Copy out every line of the records where the string "IFCRELDEFINESBYTYPE" occurs.

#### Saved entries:
════════════════════

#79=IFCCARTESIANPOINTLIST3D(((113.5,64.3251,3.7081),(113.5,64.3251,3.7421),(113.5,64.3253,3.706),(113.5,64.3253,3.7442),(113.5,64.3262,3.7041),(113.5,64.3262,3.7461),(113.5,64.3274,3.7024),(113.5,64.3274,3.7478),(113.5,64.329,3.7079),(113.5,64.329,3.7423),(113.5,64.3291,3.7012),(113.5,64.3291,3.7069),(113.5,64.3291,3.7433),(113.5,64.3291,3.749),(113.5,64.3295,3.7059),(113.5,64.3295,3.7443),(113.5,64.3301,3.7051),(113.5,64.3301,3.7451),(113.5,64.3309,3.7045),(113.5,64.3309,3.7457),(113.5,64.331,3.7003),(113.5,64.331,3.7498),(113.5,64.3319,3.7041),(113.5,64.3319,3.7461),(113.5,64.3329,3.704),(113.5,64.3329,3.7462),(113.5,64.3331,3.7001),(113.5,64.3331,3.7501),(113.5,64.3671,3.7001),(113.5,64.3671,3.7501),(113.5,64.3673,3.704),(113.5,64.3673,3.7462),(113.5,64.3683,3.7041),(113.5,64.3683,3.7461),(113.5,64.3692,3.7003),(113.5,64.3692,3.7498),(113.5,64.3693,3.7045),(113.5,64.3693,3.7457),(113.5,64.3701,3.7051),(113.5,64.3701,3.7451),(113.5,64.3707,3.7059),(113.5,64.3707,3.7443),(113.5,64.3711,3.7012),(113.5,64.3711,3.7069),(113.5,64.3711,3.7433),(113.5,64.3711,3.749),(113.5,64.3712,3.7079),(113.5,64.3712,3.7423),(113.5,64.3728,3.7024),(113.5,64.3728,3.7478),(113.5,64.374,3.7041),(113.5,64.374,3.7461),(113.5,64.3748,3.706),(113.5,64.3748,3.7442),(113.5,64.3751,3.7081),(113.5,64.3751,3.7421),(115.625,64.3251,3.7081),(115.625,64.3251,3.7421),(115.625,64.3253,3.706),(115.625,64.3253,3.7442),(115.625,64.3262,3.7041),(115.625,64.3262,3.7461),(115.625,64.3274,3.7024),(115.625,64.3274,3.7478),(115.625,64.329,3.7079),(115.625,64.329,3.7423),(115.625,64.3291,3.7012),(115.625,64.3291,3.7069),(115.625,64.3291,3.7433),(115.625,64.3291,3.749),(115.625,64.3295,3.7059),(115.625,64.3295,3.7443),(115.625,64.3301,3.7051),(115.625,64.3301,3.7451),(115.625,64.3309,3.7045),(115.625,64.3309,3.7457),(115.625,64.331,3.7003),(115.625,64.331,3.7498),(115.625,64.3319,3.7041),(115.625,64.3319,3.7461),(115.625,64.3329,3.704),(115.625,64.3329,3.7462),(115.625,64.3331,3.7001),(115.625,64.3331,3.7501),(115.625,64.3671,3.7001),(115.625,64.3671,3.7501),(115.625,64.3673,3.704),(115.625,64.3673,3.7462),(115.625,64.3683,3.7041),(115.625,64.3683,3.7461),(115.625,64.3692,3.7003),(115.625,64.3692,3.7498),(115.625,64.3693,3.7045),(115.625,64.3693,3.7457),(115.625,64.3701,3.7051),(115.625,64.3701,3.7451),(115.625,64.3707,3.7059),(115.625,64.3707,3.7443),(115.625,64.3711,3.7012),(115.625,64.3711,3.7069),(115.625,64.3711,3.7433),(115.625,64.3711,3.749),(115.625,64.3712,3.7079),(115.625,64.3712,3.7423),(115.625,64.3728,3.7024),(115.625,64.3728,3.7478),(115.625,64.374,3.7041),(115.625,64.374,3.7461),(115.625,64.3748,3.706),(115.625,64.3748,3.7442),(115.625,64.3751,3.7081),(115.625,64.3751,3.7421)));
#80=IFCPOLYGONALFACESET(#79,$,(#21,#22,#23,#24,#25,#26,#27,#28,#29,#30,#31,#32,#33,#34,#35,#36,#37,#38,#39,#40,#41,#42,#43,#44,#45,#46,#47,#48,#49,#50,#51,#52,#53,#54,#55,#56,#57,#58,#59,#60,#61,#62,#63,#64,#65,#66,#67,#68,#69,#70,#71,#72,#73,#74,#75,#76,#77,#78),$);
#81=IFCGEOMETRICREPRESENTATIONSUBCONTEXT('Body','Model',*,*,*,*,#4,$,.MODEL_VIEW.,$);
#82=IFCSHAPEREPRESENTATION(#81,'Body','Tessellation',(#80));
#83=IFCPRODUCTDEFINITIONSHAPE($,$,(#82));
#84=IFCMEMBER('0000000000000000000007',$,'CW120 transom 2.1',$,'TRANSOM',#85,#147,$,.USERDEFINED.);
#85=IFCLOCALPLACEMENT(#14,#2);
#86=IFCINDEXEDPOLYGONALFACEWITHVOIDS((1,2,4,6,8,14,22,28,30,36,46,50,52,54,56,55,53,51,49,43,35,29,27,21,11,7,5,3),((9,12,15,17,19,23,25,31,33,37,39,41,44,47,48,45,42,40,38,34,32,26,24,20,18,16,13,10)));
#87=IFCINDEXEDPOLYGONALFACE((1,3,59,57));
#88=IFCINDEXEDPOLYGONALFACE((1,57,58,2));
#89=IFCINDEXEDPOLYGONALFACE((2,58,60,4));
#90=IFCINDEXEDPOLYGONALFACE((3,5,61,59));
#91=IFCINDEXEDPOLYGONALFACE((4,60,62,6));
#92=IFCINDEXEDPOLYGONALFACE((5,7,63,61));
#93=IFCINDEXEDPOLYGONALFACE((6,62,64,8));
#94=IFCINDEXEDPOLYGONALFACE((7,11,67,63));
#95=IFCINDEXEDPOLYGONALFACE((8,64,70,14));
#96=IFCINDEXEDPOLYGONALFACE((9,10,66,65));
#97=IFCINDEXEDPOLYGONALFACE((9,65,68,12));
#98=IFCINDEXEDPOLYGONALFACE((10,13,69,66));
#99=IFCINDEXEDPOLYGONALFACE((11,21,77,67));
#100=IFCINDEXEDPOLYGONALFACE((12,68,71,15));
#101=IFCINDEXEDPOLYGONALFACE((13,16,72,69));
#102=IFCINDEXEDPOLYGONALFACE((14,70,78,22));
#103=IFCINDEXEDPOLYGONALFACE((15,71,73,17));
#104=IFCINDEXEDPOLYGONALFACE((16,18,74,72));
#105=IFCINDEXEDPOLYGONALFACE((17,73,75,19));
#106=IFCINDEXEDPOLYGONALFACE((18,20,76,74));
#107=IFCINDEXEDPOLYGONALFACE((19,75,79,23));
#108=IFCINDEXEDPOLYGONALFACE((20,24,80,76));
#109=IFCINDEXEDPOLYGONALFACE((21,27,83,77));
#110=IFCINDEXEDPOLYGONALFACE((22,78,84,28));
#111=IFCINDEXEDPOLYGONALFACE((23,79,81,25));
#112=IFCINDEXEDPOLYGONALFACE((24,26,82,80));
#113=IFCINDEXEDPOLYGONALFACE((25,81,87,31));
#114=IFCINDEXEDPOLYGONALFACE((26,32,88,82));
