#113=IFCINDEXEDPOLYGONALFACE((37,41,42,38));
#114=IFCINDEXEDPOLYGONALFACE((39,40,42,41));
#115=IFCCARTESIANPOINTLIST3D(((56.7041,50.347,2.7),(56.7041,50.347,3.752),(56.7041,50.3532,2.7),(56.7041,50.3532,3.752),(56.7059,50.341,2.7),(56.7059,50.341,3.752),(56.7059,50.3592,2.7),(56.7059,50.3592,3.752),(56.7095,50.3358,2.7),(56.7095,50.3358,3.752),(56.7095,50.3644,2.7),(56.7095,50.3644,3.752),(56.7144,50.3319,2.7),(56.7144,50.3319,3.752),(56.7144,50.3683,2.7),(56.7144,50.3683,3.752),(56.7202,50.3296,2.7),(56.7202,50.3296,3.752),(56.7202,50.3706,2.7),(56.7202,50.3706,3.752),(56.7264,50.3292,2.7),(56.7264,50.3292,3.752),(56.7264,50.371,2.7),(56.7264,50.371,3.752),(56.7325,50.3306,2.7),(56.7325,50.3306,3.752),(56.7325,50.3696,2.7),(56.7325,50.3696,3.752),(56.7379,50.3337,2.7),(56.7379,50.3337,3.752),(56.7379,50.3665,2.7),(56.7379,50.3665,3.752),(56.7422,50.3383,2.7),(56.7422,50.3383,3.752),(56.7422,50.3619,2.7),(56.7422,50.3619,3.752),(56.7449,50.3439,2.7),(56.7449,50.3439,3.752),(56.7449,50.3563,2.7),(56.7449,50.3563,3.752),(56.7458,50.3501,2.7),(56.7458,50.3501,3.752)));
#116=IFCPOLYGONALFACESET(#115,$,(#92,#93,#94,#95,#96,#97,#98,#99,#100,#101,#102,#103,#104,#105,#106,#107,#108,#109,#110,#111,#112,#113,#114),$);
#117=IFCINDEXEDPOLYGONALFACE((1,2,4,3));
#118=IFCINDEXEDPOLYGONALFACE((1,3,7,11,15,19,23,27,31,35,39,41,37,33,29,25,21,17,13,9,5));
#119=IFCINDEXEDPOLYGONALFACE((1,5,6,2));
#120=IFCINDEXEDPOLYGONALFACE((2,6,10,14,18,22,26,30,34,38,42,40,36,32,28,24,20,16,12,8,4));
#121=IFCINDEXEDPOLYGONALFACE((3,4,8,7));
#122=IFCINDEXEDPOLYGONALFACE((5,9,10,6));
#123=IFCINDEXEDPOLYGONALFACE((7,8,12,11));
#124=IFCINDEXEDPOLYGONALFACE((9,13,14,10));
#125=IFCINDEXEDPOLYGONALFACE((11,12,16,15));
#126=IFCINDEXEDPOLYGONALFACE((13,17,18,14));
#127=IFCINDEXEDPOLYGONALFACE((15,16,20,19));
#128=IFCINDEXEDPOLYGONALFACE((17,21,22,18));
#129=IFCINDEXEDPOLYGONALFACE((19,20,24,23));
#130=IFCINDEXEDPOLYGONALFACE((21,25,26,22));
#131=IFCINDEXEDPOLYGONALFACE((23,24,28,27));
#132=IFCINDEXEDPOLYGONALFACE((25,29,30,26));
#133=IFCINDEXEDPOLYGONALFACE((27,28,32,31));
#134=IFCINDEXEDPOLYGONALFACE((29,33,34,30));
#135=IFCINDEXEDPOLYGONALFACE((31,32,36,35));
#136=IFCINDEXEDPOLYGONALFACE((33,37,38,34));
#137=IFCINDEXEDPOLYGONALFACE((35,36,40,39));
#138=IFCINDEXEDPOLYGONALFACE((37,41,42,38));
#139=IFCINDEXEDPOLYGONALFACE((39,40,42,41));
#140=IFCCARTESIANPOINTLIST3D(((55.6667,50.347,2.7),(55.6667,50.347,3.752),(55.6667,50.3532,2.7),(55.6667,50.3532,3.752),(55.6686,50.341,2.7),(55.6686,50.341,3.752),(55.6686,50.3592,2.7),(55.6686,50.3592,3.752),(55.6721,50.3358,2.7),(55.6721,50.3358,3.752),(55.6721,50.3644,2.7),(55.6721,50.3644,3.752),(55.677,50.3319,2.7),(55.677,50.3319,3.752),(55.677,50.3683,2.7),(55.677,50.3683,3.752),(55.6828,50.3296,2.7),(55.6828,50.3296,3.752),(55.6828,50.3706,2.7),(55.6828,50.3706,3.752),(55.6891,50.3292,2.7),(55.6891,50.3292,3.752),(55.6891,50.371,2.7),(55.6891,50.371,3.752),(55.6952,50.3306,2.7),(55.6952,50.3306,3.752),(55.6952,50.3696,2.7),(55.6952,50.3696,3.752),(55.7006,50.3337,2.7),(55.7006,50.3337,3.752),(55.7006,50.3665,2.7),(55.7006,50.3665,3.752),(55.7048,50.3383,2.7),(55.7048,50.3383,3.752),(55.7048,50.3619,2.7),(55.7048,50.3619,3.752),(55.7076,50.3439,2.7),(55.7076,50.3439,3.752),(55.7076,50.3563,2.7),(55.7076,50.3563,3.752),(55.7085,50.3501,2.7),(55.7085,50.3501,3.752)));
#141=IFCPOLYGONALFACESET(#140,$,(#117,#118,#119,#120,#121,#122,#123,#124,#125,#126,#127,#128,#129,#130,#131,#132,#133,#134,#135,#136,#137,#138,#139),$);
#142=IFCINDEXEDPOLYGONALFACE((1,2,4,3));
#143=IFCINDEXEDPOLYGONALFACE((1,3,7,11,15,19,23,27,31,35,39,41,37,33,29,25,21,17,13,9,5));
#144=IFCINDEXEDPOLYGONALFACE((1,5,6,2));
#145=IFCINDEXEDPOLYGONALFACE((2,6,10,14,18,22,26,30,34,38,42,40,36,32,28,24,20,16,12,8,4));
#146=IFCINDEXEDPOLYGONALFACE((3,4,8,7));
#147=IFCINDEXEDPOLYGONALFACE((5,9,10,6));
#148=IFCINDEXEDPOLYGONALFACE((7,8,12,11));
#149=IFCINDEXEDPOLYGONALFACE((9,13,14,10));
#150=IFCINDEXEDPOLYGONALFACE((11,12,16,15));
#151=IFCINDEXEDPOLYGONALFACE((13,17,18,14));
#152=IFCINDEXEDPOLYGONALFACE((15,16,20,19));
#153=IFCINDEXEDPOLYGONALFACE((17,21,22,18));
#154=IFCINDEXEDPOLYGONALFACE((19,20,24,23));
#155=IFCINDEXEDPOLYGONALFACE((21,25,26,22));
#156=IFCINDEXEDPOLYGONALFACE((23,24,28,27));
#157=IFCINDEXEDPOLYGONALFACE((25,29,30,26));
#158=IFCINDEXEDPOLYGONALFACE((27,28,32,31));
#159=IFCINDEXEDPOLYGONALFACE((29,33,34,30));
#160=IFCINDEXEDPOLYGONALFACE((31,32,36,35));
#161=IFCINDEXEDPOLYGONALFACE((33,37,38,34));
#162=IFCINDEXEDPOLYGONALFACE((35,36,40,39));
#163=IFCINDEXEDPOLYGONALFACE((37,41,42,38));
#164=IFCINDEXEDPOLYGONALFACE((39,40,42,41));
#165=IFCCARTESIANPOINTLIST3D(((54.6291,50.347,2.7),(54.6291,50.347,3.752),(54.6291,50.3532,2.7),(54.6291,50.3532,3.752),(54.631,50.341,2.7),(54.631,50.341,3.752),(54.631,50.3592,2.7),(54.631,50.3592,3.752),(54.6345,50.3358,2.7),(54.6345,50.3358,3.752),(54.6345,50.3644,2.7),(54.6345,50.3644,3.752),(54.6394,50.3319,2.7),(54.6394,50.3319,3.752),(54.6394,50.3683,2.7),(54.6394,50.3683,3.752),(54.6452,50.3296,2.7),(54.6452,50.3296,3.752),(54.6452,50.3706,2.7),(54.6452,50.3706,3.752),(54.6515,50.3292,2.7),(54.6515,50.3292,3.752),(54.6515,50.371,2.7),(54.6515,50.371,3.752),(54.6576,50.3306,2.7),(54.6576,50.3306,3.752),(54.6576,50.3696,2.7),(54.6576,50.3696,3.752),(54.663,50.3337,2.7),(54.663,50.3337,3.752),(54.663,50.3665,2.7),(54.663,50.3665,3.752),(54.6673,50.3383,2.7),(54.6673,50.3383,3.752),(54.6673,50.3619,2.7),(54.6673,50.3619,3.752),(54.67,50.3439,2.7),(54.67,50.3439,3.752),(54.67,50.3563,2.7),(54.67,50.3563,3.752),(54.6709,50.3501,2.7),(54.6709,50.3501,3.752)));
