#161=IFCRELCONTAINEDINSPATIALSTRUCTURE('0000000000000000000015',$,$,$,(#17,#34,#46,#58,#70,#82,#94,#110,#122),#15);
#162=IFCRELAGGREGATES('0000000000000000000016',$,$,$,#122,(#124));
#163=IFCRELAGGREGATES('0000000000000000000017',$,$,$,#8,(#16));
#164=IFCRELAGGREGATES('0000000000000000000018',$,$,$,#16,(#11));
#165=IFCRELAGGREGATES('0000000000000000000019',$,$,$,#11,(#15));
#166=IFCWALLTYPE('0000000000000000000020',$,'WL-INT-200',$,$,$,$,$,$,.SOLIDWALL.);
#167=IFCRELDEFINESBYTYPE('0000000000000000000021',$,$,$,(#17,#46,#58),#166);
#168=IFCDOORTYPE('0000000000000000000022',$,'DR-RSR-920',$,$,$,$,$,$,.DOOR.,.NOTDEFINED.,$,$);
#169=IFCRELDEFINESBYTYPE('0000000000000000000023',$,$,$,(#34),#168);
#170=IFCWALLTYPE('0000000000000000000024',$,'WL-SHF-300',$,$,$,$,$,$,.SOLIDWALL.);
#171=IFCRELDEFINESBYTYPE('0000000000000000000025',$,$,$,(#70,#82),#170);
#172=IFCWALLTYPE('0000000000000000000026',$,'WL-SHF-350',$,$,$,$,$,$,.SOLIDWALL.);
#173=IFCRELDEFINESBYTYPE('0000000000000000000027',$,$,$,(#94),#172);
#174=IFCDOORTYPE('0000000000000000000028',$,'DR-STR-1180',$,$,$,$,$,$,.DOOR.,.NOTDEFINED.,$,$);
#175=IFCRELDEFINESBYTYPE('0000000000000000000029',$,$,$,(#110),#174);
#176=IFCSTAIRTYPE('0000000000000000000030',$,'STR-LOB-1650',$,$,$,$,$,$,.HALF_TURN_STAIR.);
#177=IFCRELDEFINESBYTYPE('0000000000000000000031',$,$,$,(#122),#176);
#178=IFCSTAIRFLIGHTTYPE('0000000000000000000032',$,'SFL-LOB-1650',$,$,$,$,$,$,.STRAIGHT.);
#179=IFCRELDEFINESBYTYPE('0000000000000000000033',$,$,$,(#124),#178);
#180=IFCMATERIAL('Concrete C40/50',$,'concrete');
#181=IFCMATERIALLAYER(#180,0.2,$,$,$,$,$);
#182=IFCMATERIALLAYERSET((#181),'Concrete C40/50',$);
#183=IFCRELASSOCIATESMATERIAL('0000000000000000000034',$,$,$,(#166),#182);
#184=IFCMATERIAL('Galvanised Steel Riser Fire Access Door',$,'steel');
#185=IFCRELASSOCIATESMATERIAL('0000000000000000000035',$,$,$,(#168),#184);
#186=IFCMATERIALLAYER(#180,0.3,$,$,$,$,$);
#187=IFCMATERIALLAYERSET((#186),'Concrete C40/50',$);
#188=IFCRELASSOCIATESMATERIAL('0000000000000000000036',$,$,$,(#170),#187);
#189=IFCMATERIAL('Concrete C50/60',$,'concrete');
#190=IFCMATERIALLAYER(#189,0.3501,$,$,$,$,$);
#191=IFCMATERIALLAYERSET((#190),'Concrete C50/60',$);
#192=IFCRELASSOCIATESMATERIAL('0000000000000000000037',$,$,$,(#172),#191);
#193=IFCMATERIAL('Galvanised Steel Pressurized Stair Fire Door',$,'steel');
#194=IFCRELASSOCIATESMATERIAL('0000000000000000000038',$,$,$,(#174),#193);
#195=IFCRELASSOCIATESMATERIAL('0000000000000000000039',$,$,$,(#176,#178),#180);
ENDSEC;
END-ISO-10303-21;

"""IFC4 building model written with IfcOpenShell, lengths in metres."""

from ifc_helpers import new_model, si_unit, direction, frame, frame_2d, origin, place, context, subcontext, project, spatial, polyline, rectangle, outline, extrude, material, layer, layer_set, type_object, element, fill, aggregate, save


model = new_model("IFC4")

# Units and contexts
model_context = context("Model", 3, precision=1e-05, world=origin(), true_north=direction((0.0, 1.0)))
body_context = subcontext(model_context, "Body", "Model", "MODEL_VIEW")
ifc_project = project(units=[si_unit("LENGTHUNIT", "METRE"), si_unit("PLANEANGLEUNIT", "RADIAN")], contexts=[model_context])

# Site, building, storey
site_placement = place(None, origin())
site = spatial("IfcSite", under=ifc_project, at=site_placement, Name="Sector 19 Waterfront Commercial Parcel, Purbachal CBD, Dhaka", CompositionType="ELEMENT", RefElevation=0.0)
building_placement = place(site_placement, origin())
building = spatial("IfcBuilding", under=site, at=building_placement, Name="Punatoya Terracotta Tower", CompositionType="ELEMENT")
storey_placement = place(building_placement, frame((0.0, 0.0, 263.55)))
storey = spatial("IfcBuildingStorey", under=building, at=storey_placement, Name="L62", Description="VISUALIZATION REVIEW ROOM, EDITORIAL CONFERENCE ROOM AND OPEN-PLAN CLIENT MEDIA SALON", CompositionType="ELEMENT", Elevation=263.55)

════════════════════

#### WRITTEN ANSWER:
#167=IFCRELDEFINESBYTYPE('0000000000000000000021',$,$,$,(#17,#46,#58),#166);
#169=IFCRELDEFINESBYTYPE('0000000000000000000023',$,$,$,(#34),#168);
#171=IFCRELDEFINESBYTYPE('0000000000000000000025',$,$,$,(#70,#82),#170);
#173=IFCRELDEFINESBYTYPE('0000000000000000000027',$,$,$,(#94),#172);
#175=IFCRELDEFINESBYTYPE('0000000000000000000029',$,$,$,(#110),#174);
#177=IFCRELDEFINESBYTYPE('0000000000000000000031',$,$,$,(#122),#176);
#179=IFCRELDEFINESBYTYPE('0000000000000000000033',$,$,$,(#124),#178);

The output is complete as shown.